» What is being asked
Tally the lines of the records that contain the string "Tessellation", then give the total and nothing more.
---------------
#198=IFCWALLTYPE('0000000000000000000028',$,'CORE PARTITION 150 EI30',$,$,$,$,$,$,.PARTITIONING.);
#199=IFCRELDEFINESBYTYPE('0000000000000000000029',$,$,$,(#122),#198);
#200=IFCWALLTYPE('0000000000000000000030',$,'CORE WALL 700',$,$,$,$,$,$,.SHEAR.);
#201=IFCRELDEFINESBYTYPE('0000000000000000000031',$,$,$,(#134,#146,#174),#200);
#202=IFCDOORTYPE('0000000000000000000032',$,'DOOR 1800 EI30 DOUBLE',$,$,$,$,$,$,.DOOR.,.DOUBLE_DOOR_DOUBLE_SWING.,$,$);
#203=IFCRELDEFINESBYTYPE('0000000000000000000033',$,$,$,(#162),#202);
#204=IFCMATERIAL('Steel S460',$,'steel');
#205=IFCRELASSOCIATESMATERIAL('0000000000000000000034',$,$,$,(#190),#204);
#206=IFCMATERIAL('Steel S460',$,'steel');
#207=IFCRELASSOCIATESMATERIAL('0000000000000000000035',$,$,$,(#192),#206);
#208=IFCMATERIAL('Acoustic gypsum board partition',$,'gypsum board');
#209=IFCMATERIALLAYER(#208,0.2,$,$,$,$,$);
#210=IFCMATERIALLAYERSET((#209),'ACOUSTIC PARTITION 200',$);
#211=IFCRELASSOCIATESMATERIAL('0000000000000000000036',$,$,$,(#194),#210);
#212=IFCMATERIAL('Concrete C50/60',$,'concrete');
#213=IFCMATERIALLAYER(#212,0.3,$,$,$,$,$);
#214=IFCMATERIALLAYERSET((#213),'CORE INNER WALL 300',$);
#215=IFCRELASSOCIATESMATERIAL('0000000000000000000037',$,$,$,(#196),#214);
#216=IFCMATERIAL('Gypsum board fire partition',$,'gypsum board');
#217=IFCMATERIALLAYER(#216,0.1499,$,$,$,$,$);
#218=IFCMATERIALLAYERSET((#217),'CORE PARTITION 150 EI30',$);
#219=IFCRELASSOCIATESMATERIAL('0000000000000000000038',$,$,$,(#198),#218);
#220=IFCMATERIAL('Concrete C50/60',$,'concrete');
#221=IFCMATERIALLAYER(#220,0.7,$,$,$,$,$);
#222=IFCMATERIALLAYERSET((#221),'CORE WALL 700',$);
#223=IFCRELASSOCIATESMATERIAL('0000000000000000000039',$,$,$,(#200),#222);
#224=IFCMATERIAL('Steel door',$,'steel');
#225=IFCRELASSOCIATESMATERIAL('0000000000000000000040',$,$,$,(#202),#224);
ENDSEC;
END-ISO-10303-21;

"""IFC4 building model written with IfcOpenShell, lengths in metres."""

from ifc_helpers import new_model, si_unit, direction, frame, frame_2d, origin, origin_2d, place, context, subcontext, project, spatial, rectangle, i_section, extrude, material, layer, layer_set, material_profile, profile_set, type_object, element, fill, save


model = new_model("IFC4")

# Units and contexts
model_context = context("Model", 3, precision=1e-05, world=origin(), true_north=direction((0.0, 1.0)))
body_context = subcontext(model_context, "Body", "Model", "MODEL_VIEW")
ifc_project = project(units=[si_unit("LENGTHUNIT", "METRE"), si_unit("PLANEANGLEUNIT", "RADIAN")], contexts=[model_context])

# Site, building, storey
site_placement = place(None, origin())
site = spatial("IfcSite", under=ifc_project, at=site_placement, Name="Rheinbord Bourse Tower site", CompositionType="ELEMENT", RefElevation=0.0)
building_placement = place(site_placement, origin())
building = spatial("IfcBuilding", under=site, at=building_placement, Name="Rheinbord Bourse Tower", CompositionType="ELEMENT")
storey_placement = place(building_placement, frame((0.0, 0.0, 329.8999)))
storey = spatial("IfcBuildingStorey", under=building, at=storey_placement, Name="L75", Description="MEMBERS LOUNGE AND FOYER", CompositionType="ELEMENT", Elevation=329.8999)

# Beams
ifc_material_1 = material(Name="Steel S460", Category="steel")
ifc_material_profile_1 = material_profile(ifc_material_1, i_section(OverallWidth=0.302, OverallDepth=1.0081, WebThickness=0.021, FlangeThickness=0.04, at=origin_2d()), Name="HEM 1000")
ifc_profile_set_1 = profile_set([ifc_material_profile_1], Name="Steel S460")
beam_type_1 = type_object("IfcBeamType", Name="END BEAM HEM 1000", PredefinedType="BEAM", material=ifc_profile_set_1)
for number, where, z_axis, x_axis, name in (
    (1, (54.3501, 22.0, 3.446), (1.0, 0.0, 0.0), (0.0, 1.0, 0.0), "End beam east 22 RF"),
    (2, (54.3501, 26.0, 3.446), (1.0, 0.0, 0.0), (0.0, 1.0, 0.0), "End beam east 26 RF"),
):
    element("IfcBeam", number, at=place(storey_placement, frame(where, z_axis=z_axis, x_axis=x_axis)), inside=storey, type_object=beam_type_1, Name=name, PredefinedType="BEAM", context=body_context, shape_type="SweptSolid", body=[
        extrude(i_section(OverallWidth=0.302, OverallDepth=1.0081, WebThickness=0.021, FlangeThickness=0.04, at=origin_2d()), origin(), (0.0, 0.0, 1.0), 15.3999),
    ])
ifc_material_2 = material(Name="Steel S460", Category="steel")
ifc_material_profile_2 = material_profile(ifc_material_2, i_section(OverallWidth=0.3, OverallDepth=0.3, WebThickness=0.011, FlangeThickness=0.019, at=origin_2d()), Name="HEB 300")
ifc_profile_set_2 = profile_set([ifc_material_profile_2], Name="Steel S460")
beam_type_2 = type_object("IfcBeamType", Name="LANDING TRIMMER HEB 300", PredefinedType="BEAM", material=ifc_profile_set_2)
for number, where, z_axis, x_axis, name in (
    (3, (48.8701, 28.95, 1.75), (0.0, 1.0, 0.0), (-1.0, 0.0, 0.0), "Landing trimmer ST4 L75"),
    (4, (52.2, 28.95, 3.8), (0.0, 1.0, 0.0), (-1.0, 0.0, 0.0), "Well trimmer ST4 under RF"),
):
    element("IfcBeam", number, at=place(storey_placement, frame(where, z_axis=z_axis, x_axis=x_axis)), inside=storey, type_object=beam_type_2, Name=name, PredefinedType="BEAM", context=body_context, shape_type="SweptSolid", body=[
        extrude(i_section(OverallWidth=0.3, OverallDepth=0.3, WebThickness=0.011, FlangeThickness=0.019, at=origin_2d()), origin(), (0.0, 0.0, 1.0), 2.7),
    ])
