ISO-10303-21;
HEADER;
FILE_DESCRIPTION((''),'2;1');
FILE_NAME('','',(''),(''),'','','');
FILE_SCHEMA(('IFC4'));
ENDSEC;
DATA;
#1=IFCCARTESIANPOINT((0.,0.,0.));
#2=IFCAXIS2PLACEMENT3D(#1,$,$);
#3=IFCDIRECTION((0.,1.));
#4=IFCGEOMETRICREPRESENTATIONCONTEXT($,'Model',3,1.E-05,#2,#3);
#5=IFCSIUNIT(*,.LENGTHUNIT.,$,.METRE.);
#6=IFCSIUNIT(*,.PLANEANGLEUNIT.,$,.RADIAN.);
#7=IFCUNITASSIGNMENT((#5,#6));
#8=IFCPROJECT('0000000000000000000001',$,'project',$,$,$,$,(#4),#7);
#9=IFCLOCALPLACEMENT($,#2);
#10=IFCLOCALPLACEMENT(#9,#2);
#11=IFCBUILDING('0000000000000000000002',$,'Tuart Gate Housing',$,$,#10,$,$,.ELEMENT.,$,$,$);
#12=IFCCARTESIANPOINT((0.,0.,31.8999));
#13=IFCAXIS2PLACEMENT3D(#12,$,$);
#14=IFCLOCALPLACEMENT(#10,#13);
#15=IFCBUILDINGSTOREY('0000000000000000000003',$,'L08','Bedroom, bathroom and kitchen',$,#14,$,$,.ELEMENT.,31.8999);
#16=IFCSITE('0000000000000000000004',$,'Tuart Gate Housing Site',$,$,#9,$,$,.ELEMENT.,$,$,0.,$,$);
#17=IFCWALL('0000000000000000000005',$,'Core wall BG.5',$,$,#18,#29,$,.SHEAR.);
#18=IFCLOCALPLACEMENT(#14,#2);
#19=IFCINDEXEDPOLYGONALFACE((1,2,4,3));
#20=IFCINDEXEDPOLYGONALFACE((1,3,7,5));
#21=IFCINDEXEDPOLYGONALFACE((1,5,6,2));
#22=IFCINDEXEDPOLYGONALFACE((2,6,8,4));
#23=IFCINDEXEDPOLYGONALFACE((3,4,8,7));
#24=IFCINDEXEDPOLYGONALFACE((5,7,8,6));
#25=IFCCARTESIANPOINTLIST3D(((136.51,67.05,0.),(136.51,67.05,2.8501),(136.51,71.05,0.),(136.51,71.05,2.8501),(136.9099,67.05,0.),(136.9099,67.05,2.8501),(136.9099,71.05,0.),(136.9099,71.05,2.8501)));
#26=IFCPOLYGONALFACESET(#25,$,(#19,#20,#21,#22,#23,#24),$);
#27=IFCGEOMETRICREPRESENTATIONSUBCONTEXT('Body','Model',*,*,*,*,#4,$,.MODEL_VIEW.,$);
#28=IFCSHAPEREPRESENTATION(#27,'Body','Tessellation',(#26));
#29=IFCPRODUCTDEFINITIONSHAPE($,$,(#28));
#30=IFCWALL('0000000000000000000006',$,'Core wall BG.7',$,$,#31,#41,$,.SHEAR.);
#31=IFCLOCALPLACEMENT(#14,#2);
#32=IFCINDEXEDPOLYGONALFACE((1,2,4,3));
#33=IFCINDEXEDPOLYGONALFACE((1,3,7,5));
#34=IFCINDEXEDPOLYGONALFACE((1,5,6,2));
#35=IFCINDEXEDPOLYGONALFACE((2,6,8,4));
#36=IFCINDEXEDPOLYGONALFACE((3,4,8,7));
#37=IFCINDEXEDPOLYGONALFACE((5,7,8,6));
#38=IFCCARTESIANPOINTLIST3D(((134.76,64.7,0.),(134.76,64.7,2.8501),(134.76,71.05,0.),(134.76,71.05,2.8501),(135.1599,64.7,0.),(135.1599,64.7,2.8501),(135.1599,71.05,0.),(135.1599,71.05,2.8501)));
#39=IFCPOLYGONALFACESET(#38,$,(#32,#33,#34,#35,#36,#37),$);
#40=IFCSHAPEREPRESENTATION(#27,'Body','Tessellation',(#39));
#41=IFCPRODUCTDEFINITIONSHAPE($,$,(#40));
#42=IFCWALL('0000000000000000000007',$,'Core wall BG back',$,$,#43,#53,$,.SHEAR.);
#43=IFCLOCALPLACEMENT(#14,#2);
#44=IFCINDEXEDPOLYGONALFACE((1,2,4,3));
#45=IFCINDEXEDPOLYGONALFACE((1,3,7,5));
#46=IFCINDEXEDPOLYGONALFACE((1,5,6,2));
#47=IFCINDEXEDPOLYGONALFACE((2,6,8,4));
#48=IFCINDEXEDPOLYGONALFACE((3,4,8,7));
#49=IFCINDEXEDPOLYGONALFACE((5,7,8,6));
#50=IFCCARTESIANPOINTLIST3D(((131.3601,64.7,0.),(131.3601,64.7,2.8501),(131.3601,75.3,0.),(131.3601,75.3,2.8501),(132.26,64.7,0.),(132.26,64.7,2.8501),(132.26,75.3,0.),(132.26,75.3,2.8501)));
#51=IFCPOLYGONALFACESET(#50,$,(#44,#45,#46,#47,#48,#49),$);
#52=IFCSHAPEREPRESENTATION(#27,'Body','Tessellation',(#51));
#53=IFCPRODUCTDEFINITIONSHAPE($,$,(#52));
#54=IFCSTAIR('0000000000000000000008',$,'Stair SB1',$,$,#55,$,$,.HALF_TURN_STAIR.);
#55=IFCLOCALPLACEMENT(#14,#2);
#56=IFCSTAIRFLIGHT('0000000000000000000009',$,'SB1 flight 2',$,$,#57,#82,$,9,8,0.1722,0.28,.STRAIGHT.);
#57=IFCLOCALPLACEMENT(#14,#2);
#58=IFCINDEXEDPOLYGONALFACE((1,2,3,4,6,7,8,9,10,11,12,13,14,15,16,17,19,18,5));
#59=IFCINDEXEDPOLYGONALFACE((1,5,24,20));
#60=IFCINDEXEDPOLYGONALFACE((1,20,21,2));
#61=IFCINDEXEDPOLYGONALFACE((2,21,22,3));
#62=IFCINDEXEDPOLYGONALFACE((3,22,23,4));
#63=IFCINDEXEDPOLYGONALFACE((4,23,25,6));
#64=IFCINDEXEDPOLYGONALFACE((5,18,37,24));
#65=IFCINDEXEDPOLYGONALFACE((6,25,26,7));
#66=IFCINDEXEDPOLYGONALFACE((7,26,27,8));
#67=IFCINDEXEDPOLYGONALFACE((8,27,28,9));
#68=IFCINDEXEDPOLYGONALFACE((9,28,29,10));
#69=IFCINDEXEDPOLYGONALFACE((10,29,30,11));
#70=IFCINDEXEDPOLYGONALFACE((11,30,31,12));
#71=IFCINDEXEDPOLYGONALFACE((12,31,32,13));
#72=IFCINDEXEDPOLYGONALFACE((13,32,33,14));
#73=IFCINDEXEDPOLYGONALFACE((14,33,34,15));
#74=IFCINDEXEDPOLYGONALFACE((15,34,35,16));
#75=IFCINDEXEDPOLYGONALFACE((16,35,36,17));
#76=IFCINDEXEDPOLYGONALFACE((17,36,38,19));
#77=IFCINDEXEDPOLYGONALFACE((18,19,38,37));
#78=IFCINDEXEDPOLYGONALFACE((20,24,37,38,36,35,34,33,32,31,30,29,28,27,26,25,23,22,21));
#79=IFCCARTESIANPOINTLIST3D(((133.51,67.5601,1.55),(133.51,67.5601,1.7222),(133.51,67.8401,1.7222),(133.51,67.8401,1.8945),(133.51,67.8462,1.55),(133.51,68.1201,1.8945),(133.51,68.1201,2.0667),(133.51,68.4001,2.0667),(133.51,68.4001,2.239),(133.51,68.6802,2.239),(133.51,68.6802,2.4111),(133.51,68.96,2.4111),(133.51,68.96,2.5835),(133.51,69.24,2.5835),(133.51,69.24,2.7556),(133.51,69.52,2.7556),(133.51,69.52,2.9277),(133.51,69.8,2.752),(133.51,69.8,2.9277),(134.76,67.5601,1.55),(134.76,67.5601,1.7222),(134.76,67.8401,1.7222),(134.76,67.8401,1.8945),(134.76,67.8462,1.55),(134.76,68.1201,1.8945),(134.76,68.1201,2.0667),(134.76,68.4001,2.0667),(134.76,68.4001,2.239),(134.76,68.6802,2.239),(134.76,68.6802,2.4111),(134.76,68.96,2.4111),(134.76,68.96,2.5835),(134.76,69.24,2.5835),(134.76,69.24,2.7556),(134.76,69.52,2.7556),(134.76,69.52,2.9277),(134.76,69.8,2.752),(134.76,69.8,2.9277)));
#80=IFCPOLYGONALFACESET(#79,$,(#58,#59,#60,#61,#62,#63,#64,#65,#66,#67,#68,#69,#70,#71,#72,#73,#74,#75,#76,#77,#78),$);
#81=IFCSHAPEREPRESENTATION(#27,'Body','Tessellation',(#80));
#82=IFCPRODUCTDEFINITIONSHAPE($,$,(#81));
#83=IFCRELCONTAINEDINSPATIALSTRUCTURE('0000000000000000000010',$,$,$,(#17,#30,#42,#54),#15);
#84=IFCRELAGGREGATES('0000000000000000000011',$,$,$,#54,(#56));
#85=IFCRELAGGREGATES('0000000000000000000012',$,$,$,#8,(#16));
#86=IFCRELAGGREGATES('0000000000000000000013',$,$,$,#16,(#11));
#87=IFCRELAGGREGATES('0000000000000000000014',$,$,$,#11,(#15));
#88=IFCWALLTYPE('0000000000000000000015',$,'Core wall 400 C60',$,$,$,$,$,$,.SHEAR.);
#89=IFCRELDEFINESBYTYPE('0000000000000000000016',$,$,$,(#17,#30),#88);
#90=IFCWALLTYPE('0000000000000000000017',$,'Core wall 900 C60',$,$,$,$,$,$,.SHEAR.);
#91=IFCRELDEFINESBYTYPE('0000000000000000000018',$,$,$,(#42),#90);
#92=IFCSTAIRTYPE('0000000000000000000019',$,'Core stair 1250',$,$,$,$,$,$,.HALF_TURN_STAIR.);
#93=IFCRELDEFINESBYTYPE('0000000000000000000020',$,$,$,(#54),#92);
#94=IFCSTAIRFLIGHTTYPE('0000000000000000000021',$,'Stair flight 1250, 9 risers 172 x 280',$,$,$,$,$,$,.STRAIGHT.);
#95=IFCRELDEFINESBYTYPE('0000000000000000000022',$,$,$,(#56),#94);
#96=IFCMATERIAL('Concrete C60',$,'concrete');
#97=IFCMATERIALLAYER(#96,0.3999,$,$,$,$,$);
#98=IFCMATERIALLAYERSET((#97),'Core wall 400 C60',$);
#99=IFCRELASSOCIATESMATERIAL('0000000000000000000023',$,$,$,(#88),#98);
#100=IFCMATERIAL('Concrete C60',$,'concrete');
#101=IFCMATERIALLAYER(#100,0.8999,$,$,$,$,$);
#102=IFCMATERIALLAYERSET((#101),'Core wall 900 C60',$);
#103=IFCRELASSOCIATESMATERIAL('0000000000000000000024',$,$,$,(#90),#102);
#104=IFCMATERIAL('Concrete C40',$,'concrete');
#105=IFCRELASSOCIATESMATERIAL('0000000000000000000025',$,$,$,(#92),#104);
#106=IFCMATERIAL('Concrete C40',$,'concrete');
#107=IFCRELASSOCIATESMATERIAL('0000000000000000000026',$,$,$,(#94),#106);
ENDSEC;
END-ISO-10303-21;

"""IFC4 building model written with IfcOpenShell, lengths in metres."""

from ifc_helpers import new_model, si_unit, direction, frame, frame_2d, origin, place, context, subcontext, project, spatial, polyline, rectangle, outline, extrude, material, layer, layer_set, type_object, element, aggregate, save


model = new_model("IFC4")

# Units and contexts
model_context = context("Model", 3, precision=1e-05, world=origin(), true_north=direction((0.0, 1.0)))
body_context = subcontext(model_context, "Body", "Model", "MODEL_VIEW")
ifc_project = project(units=[si_unit("LENGTHUNIT", "METRE"), si_unit("PLANEANGLEUNIT", "RADIAN")], contexts=[model_context])

# Site, building, storey
site_placement = place(None, origin())
site = spatial("IfcSite", under=ifc_project, at=site_placement, Name="Tuart Gate Housing Site", CompositionType="ELEMENT", RefElevation=0.0)
building_placement = place(site_placement, origin())
building = spatial("IfcBuilding", under=site, at=building_placement, Name="Tuart Gate Housing", CompositionType="ELEMENT")
storey_placement = place(building_placement, frame((0.0, 0.0, 31.8999)))
storey = spatial("IfcBuildingStorey", under=building, at=storey_placement, Name="L08", Description="Bedroom, bathroom and kitchen", CompositionType="ELEMENT", Elevation=31.8999)

# Walls
ifc_material_1 = material(Name="Concrete C60", Category="concrete")
ifc_layer_1 = layer(ifc_material_1, 0.3999)
ifc_layer_set_1 = layer_set([ifc_layer_1], Name="Core wall 400 C60")
wall_type_1 = type_object("IfcWallType", Name="Core wall 400 C60", PredefinedType="SHEAR", material=ifc_layer_set_1)
wall_1_placement = place(storey_placement, frame((136.71, 67.05, 0.0), z_axis=(0.0, 0.0, 1.0), x_axis=(0.0, 1.0, 0.0)))
element("IfcWall", 1, at=wall_1_placement, inside=storey, type_object=wall_type_1, Name="Core wall BG.5", PredefinedType="SHEAR", context=body_context, shape_type="SweptSolid", body=[
    extrude(rectangle(XDim=4.0, YDim=0.3999, at=frame_2d((2.0, 0.0))), origin(), (0.0, 0.0, 1.0), 2.8501),
])
wall_2_placement = place(storey_placement, frame((134.96, 64.7, 0.0), z_axis=(0.0, 0.0, 1.0), x_axis=(0.0, 1.0, 0.0)))
element("IfcWall", 2, at=wall_2_placement, inside=storey, type_object=wall_type_1, Name="Core wall BG.7", PredefinedType="SHEAR", context=body_context, shape_type="SweptSolid", body=[
    extrude(rectangle(XDim=6.3501, YDim=0.3999, at=frame_2d((3.175, 0.0))), origin(), (0.0, 0.0, 1.0), 2.8501),
])
ifc_material_2 = material(Name="Concrete C60", Category="concrete")
ifc_layer_2 = layer(ifc_material_2, 0.8999)
ifc_layer_set_2 = layer_set([ifc_layer_2], Name="Core wall 900 C60")
wall_type_2 = type_object("IfcWallType", Name="Core wall 900 C60", PredefinedType="SHEAR", material=ifc_layer_set_2)
wall_3_placement = place(storey_placement, frame((131.8101, 64.7, 0.0), z_axis=(0.0, 0.0, 1.0), x_axis=(0.0, 1.0, 0.0)))
element("IfcWall", 3, at=wall_3_placement, inside=storey, type_object=wall_type_2, Name="Core wall BG back", PredefinedType="SHEAR", context=body_context, shape_type="SweptSolid", body=[
    extrude(rectangle(XDim=10.6001, YDim=0.8999, at=frame_2d((5.3, 0.0))), origin(), (0.0, 0.0, 1.0), 2.8501),
])

# Stair, stair flight
ifc_material_3 = material(Name="Concrete C40", Category="concrete")
stair_type = type_object("IfcStairType", Name="Core stair 1250", PredefinedType="HALF_TURN_STAIR", material=ifc_material_3)
stair_placement = place(storey_placement, origin())
stair = element("IfcStair", 4, at=stair_placement, inside=storey, type_object=stair_type, Name="Stair SB1", PredefinedType="HALF_TURN_STAIR")
ifc_material_4 = material(Name="Concrete C40", Category="concrete")
stair_flight_type = type_object("IfcStairFlightType", Name="Stair flight 1250, 9 risers 172 x 280", PredefinedType="STRAIGHT", material=ifc_material_4)
stair_flight_placement = place(storey_placement, frame((134.135, 67.5601, 1.55), z_axis=(0.0, 0.0, 1.0), x_axis=(0.0, 1.0, 0.0)))
stair_flight = element("IfcStairFlight", 5, at=stair_flight_placement, type_object=stair_flight_type, Name="SB1 flight 2", NumberOfRisers=9, NumberOfTreads=8, PredefinedType="STRAIGHT", RiserHeight=0.1722, TreadLength=0.28, context=body_context, shape_type="SweptSolid", body=[
    extrude(outline(polyline([(0.0, 0.0), (0.0, 0.1721), (0.28, 0.1721), (0.28, 0.3445), (0.5601, 0.3445), (0.5601, 0.5166), (0.8401, 0.5166), (0.8401, 0.689), (1.1201, 0.689), (1.1201, 0.8611), (1.3999, 0.8611), (1.3999, 1.0334), (1.6799, 1.0334), (1.6799, 1.2056), (1.96, 1.2056), (1.96, 1.3777), (2.24, 1.3777), (2.24, 1.55), (2.24, 1.2019), (0.2861, 0.0), (0.0, 0.0)])), frame((0.0, 0.625, 0.0), z_axis=(0.0, -1.0, 0.0), x_axis=(1.0, 0.0, 0.0)), (0.0, 0.0, 1.0), 1.25),
])
aggregate(stair, [stair_flight])

save(model, "model.ifc")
---------------
» Output for this exercise
4